Extracted data entries:
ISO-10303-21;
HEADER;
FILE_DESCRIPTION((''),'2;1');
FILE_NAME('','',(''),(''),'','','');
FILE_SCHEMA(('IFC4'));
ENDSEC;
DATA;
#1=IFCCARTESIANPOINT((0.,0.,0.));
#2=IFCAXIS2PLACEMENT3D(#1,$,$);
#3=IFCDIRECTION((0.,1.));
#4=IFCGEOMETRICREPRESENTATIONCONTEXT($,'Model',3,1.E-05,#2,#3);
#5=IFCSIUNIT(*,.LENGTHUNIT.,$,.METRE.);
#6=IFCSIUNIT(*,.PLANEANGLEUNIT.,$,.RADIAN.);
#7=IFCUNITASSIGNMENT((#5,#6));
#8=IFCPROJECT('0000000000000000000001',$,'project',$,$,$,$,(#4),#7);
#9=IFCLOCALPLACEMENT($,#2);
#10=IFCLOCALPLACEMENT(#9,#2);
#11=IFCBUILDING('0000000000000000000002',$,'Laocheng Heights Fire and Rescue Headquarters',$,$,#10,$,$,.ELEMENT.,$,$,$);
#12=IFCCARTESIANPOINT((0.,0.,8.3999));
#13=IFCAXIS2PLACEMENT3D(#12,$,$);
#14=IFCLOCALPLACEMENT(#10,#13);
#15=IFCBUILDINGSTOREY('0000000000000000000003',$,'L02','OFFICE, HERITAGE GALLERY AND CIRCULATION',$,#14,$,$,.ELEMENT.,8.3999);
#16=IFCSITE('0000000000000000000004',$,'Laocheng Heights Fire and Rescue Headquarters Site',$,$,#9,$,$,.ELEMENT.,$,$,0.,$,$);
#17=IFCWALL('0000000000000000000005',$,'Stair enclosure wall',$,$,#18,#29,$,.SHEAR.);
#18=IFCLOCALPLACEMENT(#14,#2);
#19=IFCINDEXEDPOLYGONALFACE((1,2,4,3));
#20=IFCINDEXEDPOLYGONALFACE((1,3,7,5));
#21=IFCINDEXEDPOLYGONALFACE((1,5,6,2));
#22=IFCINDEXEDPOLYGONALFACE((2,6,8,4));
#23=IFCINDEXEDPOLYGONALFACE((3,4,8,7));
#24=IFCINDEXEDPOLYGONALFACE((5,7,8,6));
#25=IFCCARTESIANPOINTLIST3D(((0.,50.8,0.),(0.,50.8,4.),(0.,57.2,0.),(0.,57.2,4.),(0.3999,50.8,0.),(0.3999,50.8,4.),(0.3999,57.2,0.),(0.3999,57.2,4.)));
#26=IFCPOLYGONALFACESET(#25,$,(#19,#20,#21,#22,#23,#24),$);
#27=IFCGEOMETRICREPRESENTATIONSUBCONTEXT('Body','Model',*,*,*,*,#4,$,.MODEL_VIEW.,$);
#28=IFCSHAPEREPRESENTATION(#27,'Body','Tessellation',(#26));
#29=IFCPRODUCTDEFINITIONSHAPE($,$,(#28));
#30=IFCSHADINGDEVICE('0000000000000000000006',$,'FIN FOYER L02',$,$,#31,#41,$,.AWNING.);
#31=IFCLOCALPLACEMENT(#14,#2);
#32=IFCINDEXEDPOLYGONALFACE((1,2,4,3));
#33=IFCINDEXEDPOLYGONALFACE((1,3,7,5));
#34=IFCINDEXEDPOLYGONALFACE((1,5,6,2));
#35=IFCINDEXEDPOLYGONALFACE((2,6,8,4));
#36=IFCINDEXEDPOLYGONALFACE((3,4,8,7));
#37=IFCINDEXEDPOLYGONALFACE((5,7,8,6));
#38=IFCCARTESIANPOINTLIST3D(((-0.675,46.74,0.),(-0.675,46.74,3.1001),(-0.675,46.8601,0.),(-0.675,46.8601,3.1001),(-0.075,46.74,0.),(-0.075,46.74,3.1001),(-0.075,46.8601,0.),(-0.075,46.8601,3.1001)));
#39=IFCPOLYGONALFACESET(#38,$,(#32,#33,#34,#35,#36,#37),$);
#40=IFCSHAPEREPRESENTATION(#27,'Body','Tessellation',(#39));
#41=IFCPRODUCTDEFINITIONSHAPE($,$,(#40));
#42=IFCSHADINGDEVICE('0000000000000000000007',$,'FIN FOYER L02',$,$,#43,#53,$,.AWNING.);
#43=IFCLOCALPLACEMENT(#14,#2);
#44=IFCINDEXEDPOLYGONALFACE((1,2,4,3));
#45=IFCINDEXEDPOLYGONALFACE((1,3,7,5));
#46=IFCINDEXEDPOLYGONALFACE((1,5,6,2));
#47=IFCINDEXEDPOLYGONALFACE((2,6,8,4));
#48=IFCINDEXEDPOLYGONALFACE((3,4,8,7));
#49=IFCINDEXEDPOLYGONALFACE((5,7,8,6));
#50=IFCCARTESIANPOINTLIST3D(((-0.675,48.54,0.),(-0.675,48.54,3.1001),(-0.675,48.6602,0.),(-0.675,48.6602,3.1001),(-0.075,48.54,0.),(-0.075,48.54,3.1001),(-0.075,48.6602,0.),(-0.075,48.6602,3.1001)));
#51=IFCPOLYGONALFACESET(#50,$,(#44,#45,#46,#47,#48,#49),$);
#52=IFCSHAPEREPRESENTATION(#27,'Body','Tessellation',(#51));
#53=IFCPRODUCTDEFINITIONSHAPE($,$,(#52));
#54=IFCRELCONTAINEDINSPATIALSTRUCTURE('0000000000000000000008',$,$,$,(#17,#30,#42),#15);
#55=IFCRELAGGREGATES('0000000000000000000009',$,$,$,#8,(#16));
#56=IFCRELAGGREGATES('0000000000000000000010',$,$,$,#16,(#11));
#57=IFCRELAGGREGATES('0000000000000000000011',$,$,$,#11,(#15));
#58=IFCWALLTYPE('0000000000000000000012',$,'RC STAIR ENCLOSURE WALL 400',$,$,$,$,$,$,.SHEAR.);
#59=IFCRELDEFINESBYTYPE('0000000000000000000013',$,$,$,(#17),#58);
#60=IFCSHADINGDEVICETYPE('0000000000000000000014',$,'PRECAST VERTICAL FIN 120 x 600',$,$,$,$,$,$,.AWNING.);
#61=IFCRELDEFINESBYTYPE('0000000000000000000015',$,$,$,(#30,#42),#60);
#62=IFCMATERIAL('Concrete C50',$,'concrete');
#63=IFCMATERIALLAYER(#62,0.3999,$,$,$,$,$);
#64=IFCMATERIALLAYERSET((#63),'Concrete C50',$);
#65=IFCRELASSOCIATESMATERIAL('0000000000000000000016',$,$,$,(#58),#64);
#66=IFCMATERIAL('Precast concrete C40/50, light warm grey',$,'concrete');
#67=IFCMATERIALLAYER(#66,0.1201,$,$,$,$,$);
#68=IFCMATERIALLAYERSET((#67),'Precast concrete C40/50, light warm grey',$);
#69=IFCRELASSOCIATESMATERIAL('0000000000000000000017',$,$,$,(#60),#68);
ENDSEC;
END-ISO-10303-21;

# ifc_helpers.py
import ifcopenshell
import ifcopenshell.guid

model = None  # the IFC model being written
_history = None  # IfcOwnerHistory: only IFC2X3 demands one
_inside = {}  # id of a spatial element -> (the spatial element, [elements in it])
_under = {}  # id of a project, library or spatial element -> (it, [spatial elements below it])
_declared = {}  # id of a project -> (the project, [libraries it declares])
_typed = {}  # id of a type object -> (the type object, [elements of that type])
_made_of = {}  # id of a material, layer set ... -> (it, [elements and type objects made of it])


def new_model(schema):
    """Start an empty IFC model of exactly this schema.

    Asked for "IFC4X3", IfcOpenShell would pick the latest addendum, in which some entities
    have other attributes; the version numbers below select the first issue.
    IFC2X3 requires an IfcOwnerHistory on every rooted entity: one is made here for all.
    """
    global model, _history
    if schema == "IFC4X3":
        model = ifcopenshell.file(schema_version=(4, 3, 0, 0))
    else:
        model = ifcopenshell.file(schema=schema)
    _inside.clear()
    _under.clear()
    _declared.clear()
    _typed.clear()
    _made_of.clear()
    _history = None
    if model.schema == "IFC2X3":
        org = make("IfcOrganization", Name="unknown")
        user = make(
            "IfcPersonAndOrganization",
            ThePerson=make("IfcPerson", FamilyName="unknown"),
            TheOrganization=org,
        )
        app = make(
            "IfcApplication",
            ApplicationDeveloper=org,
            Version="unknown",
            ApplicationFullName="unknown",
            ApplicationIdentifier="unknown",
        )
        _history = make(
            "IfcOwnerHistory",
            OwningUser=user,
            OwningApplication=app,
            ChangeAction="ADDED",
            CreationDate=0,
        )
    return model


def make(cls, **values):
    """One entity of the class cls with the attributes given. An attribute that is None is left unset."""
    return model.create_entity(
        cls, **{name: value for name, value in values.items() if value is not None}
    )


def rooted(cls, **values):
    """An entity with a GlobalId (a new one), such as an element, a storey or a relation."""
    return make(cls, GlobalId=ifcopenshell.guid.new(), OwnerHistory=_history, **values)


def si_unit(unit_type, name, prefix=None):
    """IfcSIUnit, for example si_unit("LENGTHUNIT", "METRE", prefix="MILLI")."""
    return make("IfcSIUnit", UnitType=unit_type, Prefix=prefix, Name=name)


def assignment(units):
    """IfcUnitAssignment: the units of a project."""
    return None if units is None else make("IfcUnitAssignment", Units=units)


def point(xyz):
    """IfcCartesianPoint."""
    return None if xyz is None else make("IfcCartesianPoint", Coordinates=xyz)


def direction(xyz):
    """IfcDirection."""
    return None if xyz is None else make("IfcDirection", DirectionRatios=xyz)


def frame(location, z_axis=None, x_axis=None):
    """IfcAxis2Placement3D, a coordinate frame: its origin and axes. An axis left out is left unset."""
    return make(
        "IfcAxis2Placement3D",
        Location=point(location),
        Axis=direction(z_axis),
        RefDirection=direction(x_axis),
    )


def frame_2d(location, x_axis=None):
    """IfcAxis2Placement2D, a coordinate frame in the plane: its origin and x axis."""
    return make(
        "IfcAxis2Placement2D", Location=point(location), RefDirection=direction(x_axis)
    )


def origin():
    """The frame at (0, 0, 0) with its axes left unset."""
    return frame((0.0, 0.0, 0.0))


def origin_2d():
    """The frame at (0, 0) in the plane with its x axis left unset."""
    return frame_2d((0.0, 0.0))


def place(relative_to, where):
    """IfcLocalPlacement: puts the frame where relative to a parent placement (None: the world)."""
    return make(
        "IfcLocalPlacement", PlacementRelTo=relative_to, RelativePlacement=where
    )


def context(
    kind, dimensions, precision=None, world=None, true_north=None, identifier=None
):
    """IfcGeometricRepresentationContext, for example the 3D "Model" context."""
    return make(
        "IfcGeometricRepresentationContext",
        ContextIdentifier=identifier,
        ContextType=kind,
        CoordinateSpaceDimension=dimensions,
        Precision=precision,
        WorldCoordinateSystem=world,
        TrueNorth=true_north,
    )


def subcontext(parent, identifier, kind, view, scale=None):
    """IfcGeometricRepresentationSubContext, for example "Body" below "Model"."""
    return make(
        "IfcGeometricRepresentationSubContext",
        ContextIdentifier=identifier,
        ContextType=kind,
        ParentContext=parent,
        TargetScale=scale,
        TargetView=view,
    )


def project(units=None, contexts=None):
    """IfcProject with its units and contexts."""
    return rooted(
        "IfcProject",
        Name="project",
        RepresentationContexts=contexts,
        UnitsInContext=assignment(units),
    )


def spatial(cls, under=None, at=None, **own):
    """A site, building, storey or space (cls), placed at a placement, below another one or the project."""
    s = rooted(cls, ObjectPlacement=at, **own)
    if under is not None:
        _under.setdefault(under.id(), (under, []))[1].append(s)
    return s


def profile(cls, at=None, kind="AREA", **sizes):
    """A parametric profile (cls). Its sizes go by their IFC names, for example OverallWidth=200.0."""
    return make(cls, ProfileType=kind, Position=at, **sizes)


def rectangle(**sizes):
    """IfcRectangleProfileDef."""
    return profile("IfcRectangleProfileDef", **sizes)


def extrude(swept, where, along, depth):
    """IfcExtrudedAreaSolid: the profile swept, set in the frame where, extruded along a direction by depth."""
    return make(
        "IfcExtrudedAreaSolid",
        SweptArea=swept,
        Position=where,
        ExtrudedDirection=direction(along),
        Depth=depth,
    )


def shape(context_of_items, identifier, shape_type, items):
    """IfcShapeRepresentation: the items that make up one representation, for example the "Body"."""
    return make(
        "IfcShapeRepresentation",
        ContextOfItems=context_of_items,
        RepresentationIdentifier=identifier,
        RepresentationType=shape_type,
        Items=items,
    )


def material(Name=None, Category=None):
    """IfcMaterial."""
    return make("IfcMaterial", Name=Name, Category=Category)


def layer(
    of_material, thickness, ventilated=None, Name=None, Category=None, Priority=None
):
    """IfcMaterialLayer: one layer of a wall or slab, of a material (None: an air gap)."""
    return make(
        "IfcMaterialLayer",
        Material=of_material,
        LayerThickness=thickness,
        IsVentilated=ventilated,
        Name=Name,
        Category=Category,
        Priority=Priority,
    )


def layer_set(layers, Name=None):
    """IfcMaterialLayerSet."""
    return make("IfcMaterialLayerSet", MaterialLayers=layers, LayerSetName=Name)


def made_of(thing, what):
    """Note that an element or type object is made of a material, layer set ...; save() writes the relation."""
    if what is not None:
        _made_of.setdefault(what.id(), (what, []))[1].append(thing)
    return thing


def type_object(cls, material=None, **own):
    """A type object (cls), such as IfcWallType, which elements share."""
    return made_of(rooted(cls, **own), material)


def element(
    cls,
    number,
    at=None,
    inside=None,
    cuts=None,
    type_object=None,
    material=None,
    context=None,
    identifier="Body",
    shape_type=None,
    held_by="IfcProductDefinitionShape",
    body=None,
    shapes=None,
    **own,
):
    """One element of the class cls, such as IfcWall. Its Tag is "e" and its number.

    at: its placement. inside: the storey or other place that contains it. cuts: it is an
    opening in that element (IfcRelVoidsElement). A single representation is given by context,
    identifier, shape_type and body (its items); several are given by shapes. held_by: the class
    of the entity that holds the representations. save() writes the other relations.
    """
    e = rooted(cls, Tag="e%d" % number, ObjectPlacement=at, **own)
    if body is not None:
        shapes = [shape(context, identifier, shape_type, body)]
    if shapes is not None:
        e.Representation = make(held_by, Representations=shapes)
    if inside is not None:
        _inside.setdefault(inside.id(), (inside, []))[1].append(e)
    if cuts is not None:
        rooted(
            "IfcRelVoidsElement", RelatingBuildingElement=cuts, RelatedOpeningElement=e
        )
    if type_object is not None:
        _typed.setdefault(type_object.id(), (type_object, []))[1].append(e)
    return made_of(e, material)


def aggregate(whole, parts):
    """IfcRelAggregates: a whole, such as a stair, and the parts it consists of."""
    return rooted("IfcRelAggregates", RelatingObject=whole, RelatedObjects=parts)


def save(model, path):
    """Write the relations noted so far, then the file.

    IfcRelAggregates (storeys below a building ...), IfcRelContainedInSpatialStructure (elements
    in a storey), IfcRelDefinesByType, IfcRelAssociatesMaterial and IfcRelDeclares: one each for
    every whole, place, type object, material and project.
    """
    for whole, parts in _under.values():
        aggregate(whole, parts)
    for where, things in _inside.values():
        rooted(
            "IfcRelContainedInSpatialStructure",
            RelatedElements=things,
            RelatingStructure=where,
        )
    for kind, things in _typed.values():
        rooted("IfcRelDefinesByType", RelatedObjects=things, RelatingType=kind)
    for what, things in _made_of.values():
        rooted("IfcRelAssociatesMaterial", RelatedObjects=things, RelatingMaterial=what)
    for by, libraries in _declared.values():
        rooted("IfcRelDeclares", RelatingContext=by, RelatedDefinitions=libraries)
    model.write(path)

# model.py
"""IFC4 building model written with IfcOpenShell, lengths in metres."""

from ifc_helpers import new_model, si_unit, direction, frame, frame_2d, origin, origin_2d, place, context, subcontext, project, spatial, rectangle, extrude, material, layer, layer_set, type_object, element, save


model = new_model("IFC4")

# Units and contexts
model_context = context("Model", 3, precision=1e-05, world=origin(), true_north=direction((0.0, 1.0)))
body_context = subcontext(model_context, "Body", "Model", "MODEL_VIEW")
ifc_project = project(units=[si_unit("LENGTHUNIT", "METRE"), si_unit("PLANEANGLEUNIT", "RADIAN")], contexts=[model_context])

# Site, building, storey
site_placement = place(None, origin())
site = spatial("IfcSite", under=ifc_project, at=site_placement, Name="Laocheng Heights Fire and Rescue Headquarters Site", CompositionType="ELEMENT", RefElevation=0.0)
building_placement = place(site_placement, origin())
building = spatial("IfcBuilding", under=site, at=building_placement, Name="Laocheng Heights Fire and Rescue Headquarters", CompositionType="ELEMENT")
storey_placement = place(building_placement, frame((0.0, 0.0, 8.3999)))
storey = spatial("IfcBuildingStorey", under=building, at=storey_placement, Name="L02", Description="OFFICE, HERITAGE GALLERY AND CIRCULATION", CompositionType="ELEMENT", Elevation=8.3999)

# Wall
ifc_material_1 = material(Name="Concrete C50", Category="concrete")
ifc_layer_1 = layer(ifc_material_1, 0.3999)
ifc_layer_set_1 = layer_set([ifc_layer_1], Name="Concrete C50")
wall_type_1 = type_object("IfcWallType", Name="RC STAIR ENCLOSURE WALL 400", PredefinedType="SHEAR", material=ifc_layer_set_1)
wall_1_placement = place(storey_placement, frame((0.2, 50.8, 0.0), z_axis=(0.0, 0.0, 1.0), x_axis=(0.0, 1.0, 0.0)))
element("IfcWall", 1, at=wall_1_placement, inside=storey, type_object=wall_type_1, Name="Stair enclosure wall", PredefinedType="SHEAR", context=body_context, shape_type="SweptSolid", body=[
    extrude(rectangle(XDim=6.3999, YDim=0.3999, at=frame_2d((3.2, 0.0))), origin(), (0.0, 0.0, 1.0), 4.0),
])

» **WHAT IS BEING ASKED**:
With the first line of the records as the start and the line holding "#20=IFCINDEXEDPOLYGONALFACE((1,3,7,5));" as the end, please copy exactly those lines and no others.

» **OUTPUT FOR THIS TASK**:
ISO-10303-21;
HEADER;
FILE_DESCRIPTION((''),'2;1');
FILE_NAME('','',(''),(''),'','','');
FILE_SCHEMA(('IFC4'));
ENDSEC;
DATA;
#1=IFCCARTESIANPOINT((0.,0.,0.));
#2=IFCAXIS2PLACEMENT3D(#1,$,$);
#3=IFCDIRECTION((0.,1.));
#4=IFCGEOMETRICREPRESENTATIONCONTEXT($,'Model',3,1.E-05,#2,#3);
#5=IFCSIUNIT(*,.LENGTHUNIT.,$,.METRE.);
#6=IFCSIUNIT(*,.PLANEANGLEUNIT.,$,.RADIAN.);
#7=IFCUNITASSIGNMENT((#5,#6));
#8=IFCPROJECT('0000000000000000000001',$,'project',$,$,$,$,(#4),#7);
#9=IFCLOCALPLACEMENT($,#2);
#10=IFCLOCALPLACEMENT(#9,#2);
#11=IFCBUILDING('0000000000000000000002',$,'Laocheng Heights Fire and Rescue Headquarters',$,$,#10,$,$,.ELEMENT.,$,$,$);
#12=IFCCARTESIANPOINT((0.,0.,8.3999));
#13=IFCAXIS2PLACEMENT3D(#12,$,$);
#14=IFCLOCALPLACEMENT(#10,#13);
#15=IFCBUILDINGSTOREY('0000000000000000000003',$,'L02','OFFICE, HERITAGE GALLERY AND CIRCULATION',$,#14,$,$,.ELEMENT.,8.3999);
#16=IFCSITE('0000000000000000000004',$,'Laocheng Heights Fire and Rescue Headquarters Site',$,$,#9,$,$,.ELEMENT.,$,$,0.,$,$);
#17=IFCWALL('0000000000000000000005',$,'Stair enclosure wall',$,$,#18,#29,$,.SHEAR.);
#18=IFCLOCALPLACEMENT(#14,#2);
#19=IFCINDEXEDPOLYGONALFACE((1,2,4,3));
#20=IFCINDEXEDPOLYGONALFACE((1,3,7,5));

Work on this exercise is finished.